→ **Your assignment**: Only the lines from the start of the data through the one containing "of that type])" belong in your answer; return them exactly.

→ **Task data**:
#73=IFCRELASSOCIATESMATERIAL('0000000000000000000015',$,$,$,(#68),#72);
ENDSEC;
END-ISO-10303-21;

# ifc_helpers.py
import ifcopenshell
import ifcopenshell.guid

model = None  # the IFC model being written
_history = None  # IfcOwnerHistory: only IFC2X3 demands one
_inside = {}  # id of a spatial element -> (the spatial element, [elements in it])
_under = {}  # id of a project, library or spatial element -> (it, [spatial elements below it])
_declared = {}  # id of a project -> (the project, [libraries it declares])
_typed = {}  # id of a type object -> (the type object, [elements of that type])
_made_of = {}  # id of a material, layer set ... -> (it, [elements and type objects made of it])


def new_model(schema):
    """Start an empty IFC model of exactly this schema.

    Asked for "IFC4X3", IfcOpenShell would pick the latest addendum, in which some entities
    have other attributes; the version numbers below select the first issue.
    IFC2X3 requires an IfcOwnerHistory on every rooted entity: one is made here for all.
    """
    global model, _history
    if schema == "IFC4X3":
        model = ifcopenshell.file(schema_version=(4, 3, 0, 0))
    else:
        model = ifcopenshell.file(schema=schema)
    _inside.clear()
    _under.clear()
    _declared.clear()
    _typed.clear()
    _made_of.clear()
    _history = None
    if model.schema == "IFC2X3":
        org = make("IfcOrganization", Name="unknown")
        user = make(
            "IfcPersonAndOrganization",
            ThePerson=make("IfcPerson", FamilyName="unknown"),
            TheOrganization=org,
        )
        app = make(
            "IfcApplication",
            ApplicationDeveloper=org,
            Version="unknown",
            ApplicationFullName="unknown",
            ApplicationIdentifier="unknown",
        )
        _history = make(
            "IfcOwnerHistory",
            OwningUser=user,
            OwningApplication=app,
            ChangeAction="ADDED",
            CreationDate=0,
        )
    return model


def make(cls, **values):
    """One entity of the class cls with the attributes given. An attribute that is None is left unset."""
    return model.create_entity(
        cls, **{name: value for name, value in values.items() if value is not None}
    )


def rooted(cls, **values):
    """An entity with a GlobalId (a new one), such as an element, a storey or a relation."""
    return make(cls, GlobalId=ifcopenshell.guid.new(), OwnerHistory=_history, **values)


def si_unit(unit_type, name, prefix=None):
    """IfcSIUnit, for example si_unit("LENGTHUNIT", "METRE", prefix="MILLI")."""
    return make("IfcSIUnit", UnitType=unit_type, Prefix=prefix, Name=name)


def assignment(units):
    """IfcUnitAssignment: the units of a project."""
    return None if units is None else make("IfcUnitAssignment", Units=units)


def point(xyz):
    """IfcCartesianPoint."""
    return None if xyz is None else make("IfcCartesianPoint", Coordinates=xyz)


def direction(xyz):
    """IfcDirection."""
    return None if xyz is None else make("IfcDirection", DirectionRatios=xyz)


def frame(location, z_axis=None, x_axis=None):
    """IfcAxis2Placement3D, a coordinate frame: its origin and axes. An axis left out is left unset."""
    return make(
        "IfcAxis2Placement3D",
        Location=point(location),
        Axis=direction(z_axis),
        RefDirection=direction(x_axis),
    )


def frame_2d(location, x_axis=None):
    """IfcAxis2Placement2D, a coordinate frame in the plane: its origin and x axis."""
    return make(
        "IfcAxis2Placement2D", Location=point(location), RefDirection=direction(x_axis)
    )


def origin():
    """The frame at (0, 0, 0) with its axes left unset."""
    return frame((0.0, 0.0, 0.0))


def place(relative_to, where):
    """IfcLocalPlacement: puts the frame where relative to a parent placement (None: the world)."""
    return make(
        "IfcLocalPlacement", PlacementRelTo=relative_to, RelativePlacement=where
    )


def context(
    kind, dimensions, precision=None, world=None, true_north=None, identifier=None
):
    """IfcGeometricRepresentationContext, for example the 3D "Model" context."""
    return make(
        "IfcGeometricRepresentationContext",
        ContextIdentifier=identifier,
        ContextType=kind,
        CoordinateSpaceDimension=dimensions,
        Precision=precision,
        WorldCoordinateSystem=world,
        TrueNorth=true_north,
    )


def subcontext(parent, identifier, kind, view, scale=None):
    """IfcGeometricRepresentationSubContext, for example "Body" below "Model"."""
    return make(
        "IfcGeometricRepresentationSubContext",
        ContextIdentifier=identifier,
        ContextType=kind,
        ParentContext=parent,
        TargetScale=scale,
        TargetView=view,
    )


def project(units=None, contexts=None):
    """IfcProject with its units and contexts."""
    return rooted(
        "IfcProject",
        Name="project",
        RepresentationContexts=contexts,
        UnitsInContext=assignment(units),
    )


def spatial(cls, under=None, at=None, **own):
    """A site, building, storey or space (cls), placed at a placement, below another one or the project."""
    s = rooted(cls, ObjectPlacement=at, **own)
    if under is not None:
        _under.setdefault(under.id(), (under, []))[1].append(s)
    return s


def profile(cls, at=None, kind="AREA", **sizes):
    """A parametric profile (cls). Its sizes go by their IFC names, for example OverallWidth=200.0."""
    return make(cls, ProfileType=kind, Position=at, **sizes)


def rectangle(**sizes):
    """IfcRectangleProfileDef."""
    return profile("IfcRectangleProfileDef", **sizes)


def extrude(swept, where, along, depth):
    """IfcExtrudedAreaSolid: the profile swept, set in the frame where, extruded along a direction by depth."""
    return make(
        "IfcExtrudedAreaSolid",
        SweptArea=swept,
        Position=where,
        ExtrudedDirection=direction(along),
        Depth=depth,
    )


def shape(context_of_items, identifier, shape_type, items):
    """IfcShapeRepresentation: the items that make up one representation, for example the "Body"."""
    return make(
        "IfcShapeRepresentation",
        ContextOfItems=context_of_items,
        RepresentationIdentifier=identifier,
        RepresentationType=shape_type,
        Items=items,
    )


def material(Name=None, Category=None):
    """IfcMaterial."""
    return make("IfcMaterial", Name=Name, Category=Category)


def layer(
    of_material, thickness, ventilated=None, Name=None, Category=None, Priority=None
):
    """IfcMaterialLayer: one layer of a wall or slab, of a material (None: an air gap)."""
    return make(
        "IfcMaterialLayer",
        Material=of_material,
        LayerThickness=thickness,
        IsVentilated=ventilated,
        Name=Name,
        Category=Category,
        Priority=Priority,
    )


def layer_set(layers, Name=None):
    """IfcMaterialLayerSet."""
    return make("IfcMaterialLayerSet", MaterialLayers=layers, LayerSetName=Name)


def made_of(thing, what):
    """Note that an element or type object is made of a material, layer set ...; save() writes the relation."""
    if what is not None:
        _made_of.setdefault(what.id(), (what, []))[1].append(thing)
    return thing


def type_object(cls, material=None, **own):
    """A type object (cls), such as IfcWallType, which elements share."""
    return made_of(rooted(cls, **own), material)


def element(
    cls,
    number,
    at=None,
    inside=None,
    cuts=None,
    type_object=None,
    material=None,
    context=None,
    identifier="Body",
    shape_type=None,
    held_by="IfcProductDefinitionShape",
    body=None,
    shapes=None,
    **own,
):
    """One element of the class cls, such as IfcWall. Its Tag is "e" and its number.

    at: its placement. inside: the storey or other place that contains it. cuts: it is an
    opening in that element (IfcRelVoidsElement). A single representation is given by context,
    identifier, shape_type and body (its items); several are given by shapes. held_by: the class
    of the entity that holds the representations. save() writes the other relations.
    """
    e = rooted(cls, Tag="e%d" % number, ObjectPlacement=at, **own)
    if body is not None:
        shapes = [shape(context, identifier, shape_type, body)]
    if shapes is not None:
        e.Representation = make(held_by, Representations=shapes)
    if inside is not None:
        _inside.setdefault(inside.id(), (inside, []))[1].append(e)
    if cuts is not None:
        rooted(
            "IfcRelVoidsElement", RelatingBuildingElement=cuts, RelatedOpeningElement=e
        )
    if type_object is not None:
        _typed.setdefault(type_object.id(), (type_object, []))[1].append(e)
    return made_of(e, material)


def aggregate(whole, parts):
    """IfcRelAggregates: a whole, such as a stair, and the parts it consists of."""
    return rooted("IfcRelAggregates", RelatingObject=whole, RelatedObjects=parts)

→ **Task solution**:
#73=IFCRELASSOCIATESMATERIAL('0000000000000000000015',$,$,$,(#68),#72);
ENDSEC;
END-ISO-10303-21;

# ifc_helpers.py
import ifcopenshell
import ifcopenshell.guid

model = None  # the IFC model being written
_history = None  # IfcOwnerHistory: only IFC2X3 demands one
_inside = {}  # id of a spatial element -> (the spatial element, [elements in it])
_under = {}  # id of a project, library or spatial element -> (it, [spatial elements below it])
_declared = {}  # id of a project -> (the project, [libraries it declares])
_typed = {}  # id of a type object -> (the type object, [elements of that type])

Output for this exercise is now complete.